Dataset entries:
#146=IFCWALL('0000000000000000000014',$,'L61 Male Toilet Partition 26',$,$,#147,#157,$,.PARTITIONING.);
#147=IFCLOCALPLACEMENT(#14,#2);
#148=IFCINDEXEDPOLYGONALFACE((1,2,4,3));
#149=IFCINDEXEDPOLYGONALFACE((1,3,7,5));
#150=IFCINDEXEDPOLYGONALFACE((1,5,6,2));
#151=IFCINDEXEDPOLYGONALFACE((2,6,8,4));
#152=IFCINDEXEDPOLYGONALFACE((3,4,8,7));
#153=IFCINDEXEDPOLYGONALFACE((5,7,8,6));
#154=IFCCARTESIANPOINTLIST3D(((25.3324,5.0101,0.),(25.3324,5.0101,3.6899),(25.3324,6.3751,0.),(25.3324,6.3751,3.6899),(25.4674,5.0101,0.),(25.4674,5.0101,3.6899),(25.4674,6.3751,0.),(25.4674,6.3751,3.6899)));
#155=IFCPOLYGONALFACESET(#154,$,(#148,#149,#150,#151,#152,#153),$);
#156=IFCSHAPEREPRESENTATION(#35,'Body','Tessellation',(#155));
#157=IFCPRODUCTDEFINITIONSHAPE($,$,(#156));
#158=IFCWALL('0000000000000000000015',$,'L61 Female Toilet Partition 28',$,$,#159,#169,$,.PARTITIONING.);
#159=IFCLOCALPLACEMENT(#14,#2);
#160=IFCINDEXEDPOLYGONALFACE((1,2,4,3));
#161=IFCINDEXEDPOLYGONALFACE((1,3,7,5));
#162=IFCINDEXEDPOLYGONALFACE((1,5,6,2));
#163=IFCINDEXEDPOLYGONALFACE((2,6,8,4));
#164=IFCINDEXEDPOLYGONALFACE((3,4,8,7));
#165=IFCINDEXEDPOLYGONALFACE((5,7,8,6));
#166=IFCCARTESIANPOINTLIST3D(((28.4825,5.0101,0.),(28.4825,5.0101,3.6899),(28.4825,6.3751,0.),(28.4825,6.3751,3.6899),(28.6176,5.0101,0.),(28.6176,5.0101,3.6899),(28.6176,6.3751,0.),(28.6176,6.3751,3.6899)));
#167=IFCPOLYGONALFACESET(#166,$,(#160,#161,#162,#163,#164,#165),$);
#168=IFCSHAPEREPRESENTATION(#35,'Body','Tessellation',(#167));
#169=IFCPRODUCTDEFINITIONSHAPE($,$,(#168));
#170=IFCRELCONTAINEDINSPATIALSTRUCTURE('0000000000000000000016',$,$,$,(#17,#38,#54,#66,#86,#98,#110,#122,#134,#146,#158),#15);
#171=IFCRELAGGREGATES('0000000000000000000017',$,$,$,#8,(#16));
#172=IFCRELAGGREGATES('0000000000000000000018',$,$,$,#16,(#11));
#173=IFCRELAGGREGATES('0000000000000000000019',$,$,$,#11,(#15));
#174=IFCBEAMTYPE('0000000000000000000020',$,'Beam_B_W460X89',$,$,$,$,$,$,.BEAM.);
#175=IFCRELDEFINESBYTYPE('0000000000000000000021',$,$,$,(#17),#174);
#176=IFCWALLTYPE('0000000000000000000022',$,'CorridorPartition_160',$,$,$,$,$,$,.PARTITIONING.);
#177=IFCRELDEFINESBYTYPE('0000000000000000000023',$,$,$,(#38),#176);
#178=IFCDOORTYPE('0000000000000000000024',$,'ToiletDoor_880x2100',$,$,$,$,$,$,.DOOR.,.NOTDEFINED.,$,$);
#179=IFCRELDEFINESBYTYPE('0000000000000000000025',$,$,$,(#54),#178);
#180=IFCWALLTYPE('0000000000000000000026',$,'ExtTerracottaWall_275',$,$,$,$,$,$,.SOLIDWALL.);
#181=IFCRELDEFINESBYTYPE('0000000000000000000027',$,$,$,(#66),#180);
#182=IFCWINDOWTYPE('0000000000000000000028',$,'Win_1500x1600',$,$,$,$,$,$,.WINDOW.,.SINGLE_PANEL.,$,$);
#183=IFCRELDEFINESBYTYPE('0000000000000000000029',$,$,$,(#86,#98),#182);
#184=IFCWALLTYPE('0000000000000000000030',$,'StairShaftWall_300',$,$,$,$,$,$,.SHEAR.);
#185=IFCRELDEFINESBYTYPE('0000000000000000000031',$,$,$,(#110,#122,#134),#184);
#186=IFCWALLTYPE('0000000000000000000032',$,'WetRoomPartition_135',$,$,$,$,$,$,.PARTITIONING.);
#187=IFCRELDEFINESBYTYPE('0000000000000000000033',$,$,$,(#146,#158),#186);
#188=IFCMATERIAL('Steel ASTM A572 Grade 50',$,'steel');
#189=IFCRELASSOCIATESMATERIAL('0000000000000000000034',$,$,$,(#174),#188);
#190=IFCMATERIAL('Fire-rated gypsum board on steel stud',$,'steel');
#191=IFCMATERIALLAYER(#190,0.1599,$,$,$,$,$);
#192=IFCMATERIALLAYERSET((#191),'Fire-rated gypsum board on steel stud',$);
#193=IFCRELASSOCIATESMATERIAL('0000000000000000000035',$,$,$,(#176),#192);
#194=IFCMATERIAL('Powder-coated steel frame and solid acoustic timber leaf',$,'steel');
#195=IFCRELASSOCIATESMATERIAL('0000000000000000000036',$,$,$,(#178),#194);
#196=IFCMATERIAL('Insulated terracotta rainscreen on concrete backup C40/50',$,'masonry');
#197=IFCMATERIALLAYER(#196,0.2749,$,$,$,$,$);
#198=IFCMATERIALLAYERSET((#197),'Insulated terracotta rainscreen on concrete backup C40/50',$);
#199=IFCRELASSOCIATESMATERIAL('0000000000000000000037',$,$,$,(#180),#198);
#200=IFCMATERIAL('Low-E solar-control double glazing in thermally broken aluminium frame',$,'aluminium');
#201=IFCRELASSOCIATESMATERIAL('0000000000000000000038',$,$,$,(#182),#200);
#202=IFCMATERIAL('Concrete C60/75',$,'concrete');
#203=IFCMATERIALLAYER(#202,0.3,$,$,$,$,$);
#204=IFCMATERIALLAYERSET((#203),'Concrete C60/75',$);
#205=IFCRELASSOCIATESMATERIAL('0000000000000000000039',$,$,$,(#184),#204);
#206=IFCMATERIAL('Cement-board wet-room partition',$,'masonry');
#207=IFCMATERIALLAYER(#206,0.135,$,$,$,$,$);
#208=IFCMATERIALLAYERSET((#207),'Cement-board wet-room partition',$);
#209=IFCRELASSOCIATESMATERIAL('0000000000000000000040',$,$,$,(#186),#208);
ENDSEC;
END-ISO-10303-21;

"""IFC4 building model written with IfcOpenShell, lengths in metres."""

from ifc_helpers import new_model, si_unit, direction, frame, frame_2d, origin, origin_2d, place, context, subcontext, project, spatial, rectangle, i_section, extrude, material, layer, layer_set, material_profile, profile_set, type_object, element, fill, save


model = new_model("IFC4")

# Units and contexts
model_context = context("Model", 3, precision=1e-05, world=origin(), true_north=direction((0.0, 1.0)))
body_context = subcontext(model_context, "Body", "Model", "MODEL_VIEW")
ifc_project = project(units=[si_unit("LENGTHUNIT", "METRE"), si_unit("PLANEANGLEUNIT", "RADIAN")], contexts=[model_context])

---

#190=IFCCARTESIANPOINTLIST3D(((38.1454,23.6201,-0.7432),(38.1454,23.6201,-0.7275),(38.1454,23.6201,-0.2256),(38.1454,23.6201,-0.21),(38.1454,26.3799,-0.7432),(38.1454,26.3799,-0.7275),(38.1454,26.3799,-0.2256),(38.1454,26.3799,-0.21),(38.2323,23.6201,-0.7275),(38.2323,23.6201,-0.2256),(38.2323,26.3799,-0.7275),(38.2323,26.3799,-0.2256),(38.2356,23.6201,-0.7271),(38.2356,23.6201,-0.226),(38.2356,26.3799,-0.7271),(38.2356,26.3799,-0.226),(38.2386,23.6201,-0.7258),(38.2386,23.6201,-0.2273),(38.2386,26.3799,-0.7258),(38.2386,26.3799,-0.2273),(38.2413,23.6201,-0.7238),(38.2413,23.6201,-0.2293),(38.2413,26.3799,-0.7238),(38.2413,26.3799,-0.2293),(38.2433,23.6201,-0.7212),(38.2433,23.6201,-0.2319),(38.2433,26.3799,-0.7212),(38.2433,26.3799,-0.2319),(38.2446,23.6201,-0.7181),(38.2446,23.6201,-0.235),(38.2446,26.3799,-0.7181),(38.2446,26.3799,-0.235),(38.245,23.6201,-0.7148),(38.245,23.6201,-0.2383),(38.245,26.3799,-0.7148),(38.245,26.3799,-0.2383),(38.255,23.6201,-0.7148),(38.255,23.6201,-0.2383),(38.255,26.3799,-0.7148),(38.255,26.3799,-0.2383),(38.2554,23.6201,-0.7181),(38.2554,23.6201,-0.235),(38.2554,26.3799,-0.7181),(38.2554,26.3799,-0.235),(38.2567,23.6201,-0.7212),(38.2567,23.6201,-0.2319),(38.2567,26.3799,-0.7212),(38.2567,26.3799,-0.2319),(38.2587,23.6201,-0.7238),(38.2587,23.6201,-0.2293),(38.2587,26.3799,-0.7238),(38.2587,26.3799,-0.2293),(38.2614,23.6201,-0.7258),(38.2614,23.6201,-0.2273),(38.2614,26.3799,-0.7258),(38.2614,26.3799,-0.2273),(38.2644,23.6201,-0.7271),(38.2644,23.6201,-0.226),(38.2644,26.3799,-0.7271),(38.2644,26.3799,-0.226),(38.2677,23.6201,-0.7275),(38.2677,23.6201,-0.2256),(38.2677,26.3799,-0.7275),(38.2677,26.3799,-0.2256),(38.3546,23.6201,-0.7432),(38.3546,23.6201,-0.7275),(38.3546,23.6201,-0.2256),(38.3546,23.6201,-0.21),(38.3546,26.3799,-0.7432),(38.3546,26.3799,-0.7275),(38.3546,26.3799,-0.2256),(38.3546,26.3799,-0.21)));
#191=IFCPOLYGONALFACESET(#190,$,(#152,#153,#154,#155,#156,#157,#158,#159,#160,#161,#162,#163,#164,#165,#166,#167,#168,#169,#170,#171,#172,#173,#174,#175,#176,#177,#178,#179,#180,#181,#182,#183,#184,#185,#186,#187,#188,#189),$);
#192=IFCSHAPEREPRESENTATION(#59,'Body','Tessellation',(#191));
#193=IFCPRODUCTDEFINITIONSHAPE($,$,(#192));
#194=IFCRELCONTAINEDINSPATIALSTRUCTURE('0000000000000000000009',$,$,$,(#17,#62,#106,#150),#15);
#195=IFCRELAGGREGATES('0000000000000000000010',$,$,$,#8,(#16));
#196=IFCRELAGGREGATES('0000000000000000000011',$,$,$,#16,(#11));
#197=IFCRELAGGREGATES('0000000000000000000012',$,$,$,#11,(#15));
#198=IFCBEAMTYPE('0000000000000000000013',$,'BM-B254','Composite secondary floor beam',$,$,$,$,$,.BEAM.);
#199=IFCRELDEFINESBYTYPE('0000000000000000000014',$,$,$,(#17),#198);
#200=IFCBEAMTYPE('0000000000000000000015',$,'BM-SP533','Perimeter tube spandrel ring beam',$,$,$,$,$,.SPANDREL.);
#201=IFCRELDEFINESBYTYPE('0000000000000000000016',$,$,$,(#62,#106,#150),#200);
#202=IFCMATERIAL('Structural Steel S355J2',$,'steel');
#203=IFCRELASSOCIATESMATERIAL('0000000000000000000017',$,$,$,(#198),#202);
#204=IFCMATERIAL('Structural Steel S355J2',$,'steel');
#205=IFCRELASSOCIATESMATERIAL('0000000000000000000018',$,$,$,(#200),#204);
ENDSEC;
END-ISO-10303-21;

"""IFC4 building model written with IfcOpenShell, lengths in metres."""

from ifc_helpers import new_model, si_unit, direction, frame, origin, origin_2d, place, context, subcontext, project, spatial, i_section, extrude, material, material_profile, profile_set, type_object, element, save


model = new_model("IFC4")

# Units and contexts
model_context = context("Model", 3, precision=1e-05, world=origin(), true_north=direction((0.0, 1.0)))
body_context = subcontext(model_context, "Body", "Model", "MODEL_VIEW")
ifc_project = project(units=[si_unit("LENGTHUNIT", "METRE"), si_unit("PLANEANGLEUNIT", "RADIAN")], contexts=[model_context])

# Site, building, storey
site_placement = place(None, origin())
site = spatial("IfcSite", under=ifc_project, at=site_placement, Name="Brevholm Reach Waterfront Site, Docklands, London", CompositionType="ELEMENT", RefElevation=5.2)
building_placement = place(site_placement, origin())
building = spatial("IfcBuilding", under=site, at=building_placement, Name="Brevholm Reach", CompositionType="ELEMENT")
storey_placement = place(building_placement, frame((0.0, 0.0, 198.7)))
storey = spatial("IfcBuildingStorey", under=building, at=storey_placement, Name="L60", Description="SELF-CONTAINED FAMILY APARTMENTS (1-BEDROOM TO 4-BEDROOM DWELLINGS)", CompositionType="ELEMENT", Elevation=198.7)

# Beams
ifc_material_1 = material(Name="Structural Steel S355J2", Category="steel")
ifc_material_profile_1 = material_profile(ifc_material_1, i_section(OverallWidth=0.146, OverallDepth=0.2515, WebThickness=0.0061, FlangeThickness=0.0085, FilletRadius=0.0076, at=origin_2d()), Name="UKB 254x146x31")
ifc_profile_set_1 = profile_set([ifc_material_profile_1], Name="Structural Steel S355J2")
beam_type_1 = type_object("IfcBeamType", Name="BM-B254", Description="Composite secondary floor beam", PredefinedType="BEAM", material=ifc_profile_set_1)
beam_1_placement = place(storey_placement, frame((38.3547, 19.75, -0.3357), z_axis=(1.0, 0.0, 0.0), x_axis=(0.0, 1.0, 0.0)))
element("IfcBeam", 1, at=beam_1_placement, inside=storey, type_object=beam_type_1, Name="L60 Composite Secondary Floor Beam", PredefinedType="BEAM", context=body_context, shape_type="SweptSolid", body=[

INSTRUCTIONS TO FOLLOW
For every line of the records that has the word "gypsum" in it, make a copy.

OUTPUT FOR THIS TASK
#190=IFCMATERIAL('Fire-rated gypsum board on steel stud',$,'steel');
#192=IFCMATERIALLAYERSET((#191),'Fire-rated gypsum board on steel stud',$);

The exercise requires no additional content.